(Items listed in a dataset)
++++

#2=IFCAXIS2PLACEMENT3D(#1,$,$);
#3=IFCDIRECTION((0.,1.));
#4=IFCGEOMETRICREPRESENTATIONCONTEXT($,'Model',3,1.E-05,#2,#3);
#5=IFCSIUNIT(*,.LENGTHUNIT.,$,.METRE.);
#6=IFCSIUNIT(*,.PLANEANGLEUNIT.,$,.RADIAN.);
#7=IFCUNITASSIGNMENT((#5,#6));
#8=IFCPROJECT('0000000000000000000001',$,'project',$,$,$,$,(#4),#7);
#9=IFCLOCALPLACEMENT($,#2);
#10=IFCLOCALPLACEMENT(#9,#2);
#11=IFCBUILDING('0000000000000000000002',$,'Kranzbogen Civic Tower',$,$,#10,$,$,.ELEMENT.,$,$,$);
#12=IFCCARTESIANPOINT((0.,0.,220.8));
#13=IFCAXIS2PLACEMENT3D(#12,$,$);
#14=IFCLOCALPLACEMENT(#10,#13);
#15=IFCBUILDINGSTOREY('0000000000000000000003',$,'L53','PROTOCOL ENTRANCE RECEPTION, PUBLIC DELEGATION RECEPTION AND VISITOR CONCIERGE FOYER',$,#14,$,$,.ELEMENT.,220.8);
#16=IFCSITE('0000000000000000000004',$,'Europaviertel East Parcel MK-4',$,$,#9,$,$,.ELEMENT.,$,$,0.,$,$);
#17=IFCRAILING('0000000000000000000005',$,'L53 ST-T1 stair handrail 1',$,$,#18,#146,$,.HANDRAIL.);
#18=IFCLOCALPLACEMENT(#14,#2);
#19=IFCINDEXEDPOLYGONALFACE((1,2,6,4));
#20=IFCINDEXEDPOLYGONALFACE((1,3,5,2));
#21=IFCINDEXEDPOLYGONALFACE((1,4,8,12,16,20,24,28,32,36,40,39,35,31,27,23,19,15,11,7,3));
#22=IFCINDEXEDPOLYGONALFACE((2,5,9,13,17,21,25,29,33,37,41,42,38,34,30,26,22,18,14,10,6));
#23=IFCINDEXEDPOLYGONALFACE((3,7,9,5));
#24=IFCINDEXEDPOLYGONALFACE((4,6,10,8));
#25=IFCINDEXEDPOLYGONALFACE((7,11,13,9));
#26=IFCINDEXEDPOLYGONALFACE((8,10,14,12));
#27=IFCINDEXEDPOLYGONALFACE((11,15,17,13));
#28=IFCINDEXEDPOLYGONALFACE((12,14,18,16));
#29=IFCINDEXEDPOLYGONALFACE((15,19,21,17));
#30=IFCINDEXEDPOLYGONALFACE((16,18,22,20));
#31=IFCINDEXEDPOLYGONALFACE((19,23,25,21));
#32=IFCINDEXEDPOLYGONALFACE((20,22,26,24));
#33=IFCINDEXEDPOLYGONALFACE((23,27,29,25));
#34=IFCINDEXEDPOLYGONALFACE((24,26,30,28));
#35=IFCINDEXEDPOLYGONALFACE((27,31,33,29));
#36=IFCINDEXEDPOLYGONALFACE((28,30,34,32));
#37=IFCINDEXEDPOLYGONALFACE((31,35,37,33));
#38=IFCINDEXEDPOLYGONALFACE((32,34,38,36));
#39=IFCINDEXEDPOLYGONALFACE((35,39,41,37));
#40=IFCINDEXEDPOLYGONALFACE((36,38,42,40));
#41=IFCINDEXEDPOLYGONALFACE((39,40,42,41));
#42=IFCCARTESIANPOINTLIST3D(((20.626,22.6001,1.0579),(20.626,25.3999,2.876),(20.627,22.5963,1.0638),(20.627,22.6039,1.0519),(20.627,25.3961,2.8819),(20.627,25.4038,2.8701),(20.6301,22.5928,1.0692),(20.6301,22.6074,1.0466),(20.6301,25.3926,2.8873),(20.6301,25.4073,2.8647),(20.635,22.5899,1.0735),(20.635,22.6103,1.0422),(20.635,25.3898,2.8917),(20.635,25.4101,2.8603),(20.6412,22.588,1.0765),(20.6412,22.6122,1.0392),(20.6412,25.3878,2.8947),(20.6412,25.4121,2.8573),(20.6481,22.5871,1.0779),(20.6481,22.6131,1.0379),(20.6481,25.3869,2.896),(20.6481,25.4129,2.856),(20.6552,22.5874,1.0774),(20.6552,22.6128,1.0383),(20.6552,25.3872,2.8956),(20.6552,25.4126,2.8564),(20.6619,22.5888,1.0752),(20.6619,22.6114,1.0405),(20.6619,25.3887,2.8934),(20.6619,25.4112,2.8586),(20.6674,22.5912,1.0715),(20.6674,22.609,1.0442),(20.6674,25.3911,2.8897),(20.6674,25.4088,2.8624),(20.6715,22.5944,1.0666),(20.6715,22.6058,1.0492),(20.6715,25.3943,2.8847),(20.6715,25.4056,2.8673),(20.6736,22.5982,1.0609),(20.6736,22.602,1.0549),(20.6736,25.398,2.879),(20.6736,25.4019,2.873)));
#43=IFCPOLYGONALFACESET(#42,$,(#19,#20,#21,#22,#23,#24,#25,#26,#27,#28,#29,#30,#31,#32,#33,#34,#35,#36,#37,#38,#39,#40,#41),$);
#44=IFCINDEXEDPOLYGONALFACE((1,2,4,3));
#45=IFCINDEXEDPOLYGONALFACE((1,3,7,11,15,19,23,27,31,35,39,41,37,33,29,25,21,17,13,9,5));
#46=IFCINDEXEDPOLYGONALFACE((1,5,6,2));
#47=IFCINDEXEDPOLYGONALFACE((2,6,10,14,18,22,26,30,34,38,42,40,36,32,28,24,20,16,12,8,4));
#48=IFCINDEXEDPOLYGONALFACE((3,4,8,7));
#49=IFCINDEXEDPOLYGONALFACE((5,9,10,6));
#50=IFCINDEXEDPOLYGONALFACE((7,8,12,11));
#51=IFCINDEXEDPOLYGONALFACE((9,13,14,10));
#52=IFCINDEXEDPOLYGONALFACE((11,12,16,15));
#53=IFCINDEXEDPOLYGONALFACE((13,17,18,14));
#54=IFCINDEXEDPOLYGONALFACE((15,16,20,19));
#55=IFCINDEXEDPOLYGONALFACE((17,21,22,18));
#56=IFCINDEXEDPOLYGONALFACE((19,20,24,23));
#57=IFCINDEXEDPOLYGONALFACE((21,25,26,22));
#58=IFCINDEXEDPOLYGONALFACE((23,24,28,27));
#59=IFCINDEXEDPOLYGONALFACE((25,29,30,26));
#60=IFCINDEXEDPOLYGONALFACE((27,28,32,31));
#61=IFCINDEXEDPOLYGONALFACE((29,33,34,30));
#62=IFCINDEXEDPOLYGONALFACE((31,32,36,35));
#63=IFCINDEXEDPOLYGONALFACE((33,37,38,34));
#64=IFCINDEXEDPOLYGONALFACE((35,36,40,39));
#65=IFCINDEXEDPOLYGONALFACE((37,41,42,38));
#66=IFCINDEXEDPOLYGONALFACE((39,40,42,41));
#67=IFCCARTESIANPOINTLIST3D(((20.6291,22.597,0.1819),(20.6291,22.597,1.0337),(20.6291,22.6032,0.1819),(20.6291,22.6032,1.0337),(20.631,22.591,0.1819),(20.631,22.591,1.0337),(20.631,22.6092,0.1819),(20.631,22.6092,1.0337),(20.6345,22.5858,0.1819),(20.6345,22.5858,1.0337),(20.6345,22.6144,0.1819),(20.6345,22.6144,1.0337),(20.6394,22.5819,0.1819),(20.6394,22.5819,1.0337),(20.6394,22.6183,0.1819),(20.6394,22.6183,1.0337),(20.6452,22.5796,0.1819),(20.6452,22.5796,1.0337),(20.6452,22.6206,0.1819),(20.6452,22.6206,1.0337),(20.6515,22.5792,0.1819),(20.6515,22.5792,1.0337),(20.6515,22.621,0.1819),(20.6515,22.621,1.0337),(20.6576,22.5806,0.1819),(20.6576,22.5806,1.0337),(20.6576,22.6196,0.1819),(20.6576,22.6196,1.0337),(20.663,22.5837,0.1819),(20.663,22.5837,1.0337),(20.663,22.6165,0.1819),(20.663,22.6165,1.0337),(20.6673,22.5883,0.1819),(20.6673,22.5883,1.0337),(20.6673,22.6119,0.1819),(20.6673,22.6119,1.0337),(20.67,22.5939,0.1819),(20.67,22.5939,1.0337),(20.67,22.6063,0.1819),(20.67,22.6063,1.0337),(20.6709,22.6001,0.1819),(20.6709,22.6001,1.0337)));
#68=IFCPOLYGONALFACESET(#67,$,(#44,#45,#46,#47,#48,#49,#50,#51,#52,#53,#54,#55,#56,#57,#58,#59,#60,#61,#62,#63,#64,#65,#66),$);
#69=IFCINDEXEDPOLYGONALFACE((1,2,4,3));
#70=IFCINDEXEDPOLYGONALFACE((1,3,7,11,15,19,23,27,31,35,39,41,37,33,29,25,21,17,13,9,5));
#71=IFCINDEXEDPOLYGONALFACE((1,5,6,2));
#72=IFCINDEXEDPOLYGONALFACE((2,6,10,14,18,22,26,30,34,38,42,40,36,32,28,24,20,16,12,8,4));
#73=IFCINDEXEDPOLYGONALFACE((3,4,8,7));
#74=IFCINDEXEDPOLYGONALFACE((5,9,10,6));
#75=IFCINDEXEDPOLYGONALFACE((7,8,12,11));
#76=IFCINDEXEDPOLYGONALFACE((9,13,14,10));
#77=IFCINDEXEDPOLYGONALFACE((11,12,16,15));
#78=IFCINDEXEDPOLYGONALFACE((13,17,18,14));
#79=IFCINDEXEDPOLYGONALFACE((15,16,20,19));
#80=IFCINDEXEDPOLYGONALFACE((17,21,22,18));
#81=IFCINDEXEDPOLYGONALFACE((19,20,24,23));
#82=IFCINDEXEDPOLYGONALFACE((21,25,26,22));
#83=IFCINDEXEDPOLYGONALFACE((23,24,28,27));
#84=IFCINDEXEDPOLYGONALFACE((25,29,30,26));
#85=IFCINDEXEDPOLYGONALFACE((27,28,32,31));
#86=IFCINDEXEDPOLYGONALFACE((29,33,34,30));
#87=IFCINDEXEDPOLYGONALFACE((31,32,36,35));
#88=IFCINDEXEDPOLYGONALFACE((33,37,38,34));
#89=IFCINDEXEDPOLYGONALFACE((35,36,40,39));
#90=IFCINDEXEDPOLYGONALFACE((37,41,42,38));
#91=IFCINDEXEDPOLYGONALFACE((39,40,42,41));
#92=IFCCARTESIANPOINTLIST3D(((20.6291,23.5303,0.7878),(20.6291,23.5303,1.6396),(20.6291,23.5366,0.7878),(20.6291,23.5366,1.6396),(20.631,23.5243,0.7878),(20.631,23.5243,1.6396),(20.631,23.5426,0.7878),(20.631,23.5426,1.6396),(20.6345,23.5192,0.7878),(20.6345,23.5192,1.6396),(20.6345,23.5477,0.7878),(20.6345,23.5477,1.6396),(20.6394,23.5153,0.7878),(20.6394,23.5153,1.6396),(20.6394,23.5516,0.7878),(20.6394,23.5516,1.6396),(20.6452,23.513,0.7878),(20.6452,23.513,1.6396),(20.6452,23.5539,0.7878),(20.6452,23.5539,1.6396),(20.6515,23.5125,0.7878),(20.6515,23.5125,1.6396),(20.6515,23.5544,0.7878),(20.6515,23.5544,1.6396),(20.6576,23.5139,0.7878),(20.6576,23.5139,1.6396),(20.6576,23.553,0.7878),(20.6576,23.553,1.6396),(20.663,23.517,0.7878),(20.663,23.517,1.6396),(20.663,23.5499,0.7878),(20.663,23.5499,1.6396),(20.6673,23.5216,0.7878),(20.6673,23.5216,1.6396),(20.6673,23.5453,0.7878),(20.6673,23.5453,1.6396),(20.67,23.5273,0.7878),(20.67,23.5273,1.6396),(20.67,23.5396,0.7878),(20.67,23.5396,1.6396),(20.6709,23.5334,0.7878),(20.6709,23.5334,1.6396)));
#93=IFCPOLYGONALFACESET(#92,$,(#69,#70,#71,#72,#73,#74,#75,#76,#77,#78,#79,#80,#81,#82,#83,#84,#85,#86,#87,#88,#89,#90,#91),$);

++++

All lines from the one containing "#83=IFCINDEXEDPOLYGONALFACE((23,24,28,27));" through the end of the records, both ends included, are to be quoted exactly; please add nothing else.

#83=IFCINDEXEDPOLYGONALFACE((23,24,28,27));
#84=IFCINDEXEDPOLYGONALFACE((25,29,30,26));
#85=IFCINDEXEDPOLYGONALFACE((27,28,32,31));
#86=IFCINDEXEDPOLYGONALFACE((29,33,34,30));
#87=IFCINDEXEDPOLYGONALFACE((31,32,36,35));
#88=IFCINDEXEDPOLYGONALFACE((33,37,38,34));
#89=IFCINDEXEDPOLYGONALFACE((35,36,40,39));
#90=IFCINDEXEDPOLYGONALFACE((37,41,42,38));
#91=IFCINDEXEDPOLYGONALFACE((39,40,42,41));
#92=IFCCARTESIANPOINTLIST3D(((20.6291,23.5303,0.7878),(20.6291,23.5303,1.6396),(20.6291,23.5366,0.7878),(20.6291,23.5366,1.6396),(20.631,23.5243,0.7878),(20.631,23.5243,1.6396),(20.631,23.5426,0.7878),(20.631,23.5426,1.6396),(20.6345,23.5192,0.7878),(20.6345,23.5192,1.6396),(20.6345,23.5477,0.7878),(20.6345,23.5477,1.6396),(20.6394,23.5153,0.7878),(20.6394,23.5153,1.6396),(20.6394,23.5516,0.7878),(20.6394,23.5516,1.6396),(20.6452,23.513,0.7878),(20.6452,23.513,1.6396),(20.6452,23.5539,0.7878),(20.6452,23.5539,1.6396),(20.6515,23.5125,0.7878),(20.6515,23.5125,1.6396),(20.6515,23.5544,0.7878),(20.6515,23.5544,1.6396),(20.6576,23.5139,0.7878),(20.6576,23.5139,1.6396),(20.6576,23.553,0.7878),(20.6576,23.553,1.6396),(20.663,23.517,0.7878),(20.663,23.517,1.6396),(20.663,23.5499,0.7878),(20.663,23.5499,1.6396),(20.6673,23.5216,0.7878),(20.6673,23.5216,1.6396),(20.6673,23.5453,0.7878),(20.6673,23.5453,1.6396),(20.67,23.5273,0.7878),(20.67,23.5273,1.6396),(20.67,23.5396,0.7878),(20.67,23.5396,1.6396),(20.6709,23.5334,0.7878),(20.6709,23.5334,1.6396)));
#93=IFCPOLYGONALFACESET(#92,$,(#69,#70,#71,#72,#73,#74,#75,#76,#77,#78,#79,#80,#81,#82,#83,#84,#85,#86,#87,#88,#89,#90,#91),$);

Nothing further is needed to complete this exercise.